### Action item
Take the data below and extract the lines from the one with "# Site, building, storey" to the one with "curtain_wall_1_placement = place(storey_placement, origin())", inclusive, exactly as written.

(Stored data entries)
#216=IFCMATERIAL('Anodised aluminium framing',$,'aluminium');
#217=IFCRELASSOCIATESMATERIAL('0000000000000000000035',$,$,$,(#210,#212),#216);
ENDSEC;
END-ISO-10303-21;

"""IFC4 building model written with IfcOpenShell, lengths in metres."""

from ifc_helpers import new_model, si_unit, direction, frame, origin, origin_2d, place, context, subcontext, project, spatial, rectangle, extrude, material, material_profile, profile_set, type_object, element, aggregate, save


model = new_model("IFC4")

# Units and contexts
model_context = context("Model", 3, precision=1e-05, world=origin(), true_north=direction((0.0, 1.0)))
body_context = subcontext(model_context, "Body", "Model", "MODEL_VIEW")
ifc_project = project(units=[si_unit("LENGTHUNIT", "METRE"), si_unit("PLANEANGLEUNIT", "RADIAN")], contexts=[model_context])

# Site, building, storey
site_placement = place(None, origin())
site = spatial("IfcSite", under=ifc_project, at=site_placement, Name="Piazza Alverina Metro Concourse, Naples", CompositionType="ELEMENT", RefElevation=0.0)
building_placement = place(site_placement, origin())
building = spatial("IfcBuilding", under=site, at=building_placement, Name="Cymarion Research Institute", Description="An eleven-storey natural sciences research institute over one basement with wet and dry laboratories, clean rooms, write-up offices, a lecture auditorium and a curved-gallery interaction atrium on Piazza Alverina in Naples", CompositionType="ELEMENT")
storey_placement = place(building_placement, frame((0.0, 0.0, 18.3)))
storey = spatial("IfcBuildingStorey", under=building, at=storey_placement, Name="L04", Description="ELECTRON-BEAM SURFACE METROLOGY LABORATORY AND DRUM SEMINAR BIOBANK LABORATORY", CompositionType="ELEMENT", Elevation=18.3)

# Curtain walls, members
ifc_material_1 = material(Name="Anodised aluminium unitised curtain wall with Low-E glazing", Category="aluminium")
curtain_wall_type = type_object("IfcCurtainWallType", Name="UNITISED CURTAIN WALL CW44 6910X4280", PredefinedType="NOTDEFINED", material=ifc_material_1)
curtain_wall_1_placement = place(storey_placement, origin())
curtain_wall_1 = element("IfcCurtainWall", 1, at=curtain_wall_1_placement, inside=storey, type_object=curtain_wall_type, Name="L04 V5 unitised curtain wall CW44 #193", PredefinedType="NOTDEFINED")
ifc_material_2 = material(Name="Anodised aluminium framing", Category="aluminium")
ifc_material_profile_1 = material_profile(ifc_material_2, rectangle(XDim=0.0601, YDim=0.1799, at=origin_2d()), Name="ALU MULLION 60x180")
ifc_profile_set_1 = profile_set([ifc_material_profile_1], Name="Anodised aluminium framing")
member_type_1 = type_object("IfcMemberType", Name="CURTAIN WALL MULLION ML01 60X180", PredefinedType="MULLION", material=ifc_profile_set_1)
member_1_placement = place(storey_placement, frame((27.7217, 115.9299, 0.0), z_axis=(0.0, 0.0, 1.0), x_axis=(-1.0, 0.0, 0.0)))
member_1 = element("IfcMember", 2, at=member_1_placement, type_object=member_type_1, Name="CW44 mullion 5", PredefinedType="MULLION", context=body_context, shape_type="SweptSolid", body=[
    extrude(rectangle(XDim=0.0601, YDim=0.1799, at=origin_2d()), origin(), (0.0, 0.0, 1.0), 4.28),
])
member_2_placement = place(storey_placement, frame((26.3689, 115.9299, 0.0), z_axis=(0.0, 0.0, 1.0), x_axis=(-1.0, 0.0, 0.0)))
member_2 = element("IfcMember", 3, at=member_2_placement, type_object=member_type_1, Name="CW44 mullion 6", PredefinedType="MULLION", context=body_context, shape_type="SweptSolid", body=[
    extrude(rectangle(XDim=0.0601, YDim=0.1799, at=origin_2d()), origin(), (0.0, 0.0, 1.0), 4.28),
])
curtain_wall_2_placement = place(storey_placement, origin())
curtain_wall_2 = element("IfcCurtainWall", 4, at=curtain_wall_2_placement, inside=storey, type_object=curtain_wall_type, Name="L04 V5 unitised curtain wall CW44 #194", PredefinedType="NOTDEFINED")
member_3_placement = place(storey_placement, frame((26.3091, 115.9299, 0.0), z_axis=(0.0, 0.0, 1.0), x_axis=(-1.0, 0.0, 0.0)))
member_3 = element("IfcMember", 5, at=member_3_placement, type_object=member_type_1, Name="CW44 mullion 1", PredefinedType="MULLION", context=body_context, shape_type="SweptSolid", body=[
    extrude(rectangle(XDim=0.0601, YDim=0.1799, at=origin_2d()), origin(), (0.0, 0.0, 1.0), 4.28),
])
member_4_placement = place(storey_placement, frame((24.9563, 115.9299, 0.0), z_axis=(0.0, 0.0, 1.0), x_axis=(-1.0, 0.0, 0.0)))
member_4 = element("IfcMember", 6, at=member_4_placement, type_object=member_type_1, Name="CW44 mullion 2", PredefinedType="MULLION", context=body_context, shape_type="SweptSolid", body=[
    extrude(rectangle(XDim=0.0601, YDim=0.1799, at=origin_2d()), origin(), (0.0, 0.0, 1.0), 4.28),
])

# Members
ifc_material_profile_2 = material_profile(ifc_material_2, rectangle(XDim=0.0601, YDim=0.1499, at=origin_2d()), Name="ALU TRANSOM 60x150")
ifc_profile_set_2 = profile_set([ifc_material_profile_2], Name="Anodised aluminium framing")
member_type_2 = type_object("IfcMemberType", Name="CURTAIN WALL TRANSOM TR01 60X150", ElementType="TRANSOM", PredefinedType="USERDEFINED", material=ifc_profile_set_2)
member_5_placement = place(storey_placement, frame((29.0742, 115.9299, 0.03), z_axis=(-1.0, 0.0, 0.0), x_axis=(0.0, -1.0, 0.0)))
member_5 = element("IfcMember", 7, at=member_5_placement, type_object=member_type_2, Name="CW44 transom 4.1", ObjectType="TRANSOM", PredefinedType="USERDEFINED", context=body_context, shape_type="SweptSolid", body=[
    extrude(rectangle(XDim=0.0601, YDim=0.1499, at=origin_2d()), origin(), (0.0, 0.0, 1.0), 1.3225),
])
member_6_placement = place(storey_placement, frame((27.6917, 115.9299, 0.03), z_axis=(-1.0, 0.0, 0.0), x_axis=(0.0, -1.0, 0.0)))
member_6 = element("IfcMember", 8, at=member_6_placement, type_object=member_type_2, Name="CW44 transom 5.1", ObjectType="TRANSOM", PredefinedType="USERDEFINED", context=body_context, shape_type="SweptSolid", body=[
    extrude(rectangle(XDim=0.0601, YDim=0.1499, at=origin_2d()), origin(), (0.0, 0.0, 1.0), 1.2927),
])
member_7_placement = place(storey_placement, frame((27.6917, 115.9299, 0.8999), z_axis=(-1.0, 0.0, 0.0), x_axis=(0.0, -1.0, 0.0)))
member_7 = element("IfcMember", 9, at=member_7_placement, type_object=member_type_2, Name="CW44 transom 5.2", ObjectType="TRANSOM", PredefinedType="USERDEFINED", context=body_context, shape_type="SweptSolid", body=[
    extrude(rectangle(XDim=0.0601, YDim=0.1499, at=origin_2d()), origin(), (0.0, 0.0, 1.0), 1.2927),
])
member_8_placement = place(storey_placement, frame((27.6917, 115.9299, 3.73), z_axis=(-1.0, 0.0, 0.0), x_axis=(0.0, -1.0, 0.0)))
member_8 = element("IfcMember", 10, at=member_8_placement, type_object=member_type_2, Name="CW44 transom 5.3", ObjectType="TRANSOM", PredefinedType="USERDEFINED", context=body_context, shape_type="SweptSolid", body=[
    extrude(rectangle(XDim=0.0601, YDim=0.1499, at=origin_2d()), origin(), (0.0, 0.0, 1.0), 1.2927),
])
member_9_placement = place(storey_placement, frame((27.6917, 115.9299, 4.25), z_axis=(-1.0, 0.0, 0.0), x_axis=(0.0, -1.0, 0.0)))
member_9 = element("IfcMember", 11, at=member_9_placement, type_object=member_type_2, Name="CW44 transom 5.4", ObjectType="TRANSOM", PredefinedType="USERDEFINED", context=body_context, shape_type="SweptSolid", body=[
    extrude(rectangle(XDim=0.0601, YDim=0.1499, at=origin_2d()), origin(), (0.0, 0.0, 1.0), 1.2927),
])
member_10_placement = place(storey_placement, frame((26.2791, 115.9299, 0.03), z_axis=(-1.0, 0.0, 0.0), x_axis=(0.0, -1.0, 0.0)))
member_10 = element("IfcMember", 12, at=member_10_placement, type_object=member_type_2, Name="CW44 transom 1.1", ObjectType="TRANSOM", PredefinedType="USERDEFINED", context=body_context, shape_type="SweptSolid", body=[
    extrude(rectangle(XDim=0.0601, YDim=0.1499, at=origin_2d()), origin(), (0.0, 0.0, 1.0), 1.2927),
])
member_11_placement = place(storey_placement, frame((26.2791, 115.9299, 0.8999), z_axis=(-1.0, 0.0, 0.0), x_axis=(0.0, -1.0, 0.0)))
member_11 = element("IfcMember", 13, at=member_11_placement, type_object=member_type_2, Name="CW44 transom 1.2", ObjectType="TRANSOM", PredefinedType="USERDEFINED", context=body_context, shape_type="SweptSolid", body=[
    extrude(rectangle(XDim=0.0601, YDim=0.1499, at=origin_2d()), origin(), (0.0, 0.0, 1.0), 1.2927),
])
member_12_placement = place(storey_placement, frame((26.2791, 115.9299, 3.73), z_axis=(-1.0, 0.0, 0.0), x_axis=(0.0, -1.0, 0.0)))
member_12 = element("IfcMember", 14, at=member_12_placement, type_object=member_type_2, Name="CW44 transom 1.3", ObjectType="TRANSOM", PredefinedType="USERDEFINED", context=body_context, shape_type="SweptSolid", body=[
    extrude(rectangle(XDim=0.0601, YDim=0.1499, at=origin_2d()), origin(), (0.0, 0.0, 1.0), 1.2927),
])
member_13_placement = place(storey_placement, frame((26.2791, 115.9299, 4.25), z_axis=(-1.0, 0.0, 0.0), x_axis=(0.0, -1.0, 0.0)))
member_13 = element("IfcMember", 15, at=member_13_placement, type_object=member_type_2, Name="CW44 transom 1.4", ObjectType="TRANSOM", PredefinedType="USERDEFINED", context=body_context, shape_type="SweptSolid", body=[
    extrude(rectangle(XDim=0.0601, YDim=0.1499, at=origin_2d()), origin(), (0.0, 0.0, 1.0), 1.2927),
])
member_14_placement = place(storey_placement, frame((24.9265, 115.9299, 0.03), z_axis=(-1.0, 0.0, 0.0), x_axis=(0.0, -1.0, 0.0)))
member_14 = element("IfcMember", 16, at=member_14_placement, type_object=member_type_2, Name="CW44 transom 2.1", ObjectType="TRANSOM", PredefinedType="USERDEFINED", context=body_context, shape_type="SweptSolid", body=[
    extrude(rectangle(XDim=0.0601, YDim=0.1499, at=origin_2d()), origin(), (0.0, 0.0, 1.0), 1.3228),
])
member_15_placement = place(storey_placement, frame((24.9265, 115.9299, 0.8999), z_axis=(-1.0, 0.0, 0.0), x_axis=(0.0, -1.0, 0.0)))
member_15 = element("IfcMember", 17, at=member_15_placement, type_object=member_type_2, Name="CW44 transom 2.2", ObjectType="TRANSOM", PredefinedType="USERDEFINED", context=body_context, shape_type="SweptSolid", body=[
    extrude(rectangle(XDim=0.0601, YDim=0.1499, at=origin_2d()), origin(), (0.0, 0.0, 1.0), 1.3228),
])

### Exercise output
# Site, building, storey
site_placement = place(None, origin())
site = spatial("IfcSite", under=ifc_project, at=site_placement, Name="Piazza Alverina Metro Concourse, Naples", CompositionType="ELEMENT", RefElevation=0.0)
building_placement = place(site_placement, origin())
building = spatial("IfcBuilding", under=site, at=building_placement, Name="Cymarion Research Institute", Description="An eleven-storey natural sciences research institute over one basement with wet and dry laboratories, clean rooms, write-up offices, a lecture auditorium and a curved-gallery interaction atrium on Piazza Alverina in Naples", CompositionType="ELEMENT")
storey_placement = place(building_placement, frame((0.0, 0.0, 18.3)))
storey = spatial("IfcBuildingStorey", under=building, at=storey_placement, Name="L04", Description="ELECTRON-BEAM SURFACE METROLOGY LABORATORY AND DRUM SEMINAR BIOBANK LABORATORY", CompositionType="ELEMENT", Elevation=18.3)

# Curtain walls, members
ifc_material_1 = material(Name="Anodised aluminium unitised curtain wall with Low-E glazing", Category="aluminium")
curtain_wall_type = type_object("IfcCurtainWallType", Name="UNITISED CURTAIN WALL CW44 6910X4280", PredefinedType="NOTDEFINED", material=ifc_material_1)
curtain_wall_1_placement = place(storey_placement, origin())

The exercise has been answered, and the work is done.